**THE TASK**: Pick out every line of the entries below where "IFCSHAPEREPRESENTATION" occurs, and copy those lines.

**DATA TO USE**:

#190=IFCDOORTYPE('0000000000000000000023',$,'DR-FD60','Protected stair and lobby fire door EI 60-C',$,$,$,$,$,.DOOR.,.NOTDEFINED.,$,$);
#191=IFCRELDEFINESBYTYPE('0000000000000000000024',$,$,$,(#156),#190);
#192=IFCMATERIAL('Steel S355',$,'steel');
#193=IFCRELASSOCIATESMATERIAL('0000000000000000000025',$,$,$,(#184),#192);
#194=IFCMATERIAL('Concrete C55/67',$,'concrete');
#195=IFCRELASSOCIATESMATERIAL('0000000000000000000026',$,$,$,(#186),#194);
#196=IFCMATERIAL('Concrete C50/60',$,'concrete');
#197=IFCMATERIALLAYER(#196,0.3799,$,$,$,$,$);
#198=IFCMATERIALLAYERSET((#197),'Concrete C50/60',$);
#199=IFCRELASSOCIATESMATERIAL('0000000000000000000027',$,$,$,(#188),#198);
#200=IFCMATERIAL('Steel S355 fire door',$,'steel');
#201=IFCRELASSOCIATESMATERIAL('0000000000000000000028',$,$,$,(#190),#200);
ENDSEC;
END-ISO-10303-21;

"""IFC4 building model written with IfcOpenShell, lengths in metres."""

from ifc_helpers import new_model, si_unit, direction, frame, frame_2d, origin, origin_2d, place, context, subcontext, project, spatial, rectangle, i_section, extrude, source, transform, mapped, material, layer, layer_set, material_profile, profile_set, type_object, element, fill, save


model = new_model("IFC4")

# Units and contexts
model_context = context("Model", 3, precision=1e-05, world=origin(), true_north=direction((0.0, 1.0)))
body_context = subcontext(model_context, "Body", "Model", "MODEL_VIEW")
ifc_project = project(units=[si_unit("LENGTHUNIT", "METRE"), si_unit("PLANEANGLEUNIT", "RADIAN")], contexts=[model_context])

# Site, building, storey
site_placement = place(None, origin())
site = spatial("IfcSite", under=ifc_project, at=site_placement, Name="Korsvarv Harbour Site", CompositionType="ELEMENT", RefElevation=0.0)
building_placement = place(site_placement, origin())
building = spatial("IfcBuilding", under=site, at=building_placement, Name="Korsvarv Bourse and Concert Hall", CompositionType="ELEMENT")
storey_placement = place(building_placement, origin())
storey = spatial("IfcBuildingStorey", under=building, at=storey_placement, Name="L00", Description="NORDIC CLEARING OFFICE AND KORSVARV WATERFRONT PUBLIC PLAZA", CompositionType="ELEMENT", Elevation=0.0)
--
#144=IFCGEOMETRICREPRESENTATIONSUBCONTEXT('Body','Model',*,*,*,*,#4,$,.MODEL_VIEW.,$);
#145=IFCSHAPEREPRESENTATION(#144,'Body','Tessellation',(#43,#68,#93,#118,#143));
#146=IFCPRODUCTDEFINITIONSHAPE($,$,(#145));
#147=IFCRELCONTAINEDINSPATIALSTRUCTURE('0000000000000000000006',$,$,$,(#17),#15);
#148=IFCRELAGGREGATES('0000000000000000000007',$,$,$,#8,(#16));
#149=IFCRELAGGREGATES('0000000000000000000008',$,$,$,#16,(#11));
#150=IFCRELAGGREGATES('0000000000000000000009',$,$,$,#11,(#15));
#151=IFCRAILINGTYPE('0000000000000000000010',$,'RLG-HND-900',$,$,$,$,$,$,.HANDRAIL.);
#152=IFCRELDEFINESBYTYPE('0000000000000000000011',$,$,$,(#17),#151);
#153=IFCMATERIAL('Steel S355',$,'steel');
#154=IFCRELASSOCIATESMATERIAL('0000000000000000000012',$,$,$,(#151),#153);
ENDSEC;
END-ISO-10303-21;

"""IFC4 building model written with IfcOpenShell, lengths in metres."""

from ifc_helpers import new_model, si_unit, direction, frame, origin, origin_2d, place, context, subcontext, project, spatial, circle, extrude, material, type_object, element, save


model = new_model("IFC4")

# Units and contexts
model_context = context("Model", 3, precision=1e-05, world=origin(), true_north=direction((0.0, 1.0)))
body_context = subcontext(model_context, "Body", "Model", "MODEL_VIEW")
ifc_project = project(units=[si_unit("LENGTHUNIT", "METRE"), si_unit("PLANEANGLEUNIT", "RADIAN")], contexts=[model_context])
...
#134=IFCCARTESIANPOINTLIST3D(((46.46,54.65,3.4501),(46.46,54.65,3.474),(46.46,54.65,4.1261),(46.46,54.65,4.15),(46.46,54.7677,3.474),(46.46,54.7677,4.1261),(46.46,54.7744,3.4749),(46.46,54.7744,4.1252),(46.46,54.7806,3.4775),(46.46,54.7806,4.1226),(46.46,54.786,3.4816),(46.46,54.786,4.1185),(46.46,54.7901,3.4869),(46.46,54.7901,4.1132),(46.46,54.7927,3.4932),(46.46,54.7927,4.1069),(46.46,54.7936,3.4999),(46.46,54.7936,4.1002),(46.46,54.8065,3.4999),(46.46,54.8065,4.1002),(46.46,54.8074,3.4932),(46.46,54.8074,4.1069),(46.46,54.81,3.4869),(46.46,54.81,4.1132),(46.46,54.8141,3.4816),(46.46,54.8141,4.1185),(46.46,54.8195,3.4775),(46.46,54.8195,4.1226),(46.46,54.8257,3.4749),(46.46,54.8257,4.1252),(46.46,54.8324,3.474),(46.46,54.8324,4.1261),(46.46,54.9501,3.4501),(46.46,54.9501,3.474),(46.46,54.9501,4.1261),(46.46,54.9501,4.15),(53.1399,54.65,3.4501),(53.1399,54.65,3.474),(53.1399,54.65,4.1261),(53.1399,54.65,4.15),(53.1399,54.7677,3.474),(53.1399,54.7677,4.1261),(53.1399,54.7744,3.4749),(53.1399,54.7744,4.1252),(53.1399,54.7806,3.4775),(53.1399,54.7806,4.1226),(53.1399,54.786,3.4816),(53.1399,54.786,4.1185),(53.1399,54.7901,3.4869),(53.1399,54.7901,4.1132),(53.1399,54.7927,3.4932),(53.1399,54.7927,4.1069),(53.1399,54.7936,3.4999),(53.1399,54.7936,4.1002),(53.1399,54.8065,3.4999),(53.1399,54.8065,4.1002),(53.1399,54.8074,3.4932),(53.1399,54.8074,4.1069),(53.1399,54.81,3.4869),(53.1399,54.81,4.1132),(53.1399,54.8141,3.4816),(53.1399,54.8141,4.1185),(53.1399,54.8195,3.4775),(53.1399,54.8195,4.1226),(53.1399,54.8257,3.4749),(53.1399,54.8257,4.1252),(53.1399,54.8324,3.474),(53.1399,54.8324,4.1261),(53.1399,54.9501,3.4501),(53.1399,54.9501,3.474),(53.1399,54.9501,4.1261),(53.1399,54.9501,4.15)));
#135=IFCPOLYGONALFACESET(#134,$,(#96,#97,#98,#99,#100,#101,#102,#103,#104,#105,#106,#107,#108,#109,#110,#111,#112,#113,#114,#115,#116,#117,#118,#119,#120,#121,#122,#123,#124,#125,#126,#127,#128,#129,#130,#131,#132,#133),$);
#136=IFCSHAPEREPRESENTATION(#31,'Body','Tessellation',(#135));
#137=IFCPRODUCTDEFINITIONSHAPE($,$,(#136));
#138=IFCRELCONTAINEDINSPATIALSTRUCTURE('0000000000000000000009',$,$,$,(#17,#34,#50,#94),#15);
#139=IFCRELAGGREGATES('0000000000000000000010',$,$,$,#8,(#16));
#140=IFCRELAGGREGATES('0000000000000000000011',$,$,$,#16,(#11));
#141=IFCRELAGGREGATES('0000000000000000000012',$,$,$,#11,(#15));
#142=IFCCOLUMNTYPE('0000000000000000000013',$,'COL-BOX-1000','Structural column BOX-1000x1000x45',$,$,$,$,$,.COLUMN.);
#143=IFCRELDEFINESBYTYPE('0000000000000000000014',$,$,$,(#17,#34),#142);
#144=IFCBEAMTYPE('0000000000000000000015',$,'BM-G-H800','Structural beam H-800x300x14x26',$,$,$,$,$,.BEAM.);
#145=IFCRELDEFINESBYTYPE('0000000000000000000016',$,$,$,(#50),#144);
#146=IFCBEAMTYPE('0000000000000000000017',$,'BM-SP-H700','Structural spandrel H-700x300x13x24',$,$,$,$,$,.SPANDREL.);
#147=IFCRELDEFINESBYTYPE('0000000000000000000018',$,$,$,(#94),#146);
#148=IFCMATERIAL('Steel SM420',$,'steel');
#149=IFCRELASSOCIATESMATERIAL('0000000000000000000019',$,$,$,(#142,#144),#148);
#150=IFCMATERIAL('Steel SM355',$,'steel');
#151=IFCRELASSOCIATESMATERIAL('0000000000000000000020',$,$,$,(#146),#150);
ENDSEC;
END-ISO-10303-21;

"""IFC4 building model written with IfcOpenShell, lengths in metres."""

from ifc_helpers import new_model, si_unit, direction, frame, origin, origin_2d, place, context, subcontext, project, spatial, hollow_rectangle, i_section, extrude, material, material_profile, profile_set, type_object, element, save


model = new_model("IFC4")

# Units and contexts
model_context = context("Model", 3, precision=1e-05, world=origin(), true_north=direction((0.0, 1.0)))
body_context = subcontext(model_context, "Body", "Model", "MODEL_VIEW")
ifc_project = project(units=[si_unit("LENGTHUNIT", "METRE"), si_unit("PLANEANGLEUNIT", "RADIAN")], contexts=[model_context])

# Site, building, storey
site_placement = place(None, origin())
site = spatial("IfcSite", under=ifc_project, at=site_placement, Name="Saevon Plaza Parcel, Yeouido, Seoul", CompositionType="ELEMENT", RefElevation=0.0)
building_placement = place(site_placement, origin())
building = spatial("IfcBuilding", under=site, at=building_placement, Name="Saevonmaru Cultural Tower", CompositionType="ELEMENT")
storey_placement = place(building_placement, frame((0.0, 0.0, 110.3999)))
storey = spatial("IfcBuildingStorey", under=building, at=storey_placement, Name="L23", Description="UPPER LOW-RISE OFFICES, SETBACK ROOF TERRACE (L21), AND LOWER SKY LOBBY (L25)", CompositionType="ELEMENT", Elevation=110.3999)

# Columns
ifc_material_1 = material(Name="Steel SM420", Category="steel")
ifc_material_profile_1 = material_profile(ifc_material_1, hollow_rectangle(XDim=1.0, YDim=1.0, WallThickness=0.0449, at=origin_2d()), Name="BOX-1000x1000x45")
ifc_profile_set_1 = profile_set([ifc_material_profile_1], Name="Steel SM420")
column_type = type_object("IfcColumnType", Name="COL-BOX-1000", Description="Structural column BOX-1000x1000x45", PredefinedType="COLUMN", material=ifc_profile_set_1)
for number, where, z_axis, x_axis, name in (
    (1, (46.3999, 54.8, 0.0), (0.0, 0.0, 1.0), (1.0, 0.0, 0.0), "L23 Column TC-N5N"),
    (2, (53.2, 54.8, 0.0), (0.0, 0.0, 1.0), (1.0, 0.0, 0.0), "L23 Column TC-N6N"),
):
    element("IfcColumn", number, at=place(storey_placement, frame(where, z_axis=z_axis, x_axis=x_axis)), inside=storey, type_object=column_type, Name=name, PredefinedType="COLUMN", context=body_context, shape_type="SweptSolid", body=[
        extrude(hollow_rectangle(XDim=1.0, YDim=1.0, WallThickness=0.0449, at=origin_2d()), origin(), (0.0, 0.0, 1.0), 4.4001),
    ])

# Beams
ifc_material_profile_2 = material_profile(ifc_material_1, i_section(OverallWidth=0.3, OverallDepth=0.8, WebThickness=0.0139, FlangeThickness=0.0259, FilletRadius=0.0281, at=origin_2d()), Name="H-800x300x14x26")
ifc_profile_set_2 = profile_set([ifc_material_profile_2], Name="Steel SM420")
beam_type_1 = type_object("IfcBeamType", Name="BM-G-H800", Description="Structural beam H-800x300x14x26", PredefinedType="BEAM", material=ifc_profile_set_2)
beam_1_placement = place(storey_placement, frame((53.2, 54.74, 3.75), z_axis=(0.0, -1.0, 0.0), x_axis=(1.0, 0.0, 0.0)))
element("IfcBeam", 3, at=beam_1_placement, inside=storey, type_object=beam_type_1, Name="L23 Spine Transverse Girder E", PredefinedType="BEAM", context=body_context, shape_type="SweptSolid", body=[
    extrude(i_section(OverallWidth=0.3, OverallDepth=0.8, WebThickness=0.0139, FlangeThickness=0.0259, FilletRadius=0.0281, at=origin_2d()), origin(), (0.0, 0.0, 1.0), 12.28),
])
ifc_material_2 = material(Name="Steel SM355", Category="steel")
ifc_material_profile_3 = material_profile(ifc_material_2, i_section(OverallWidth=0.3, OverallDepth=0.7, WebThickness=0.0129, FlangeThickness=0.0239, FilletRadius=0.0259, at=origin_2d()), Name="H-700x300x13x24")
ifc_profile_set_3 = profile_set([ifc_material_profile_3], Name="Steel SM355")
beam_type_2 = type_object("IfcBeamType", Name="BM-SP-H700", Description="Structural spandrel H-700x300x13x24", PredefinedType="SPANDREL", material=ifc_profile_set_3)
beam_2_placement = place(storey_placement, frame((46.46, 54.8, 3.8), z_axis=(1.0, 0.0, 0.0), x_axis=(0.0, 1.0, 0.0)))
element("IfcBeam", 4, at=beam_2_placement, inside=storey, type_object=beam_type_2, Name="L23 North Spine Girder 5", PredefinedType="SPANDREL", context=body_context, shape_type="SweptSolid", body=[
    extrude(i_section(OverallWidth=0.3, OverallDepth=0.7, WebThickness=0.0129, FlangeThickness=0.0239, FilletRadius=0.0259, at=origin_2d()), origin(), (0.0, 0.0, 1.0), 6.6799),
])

**ANSWER TO THIS PROBLEM**:
#145=IFCSHAPEREPRESENTATION(#144,'Body','Tessellation',(#43,#68,#93,#118,#143));
#136=IFCSHAPEREPRESENTATION(#31,'Body','Tessellation',(#135));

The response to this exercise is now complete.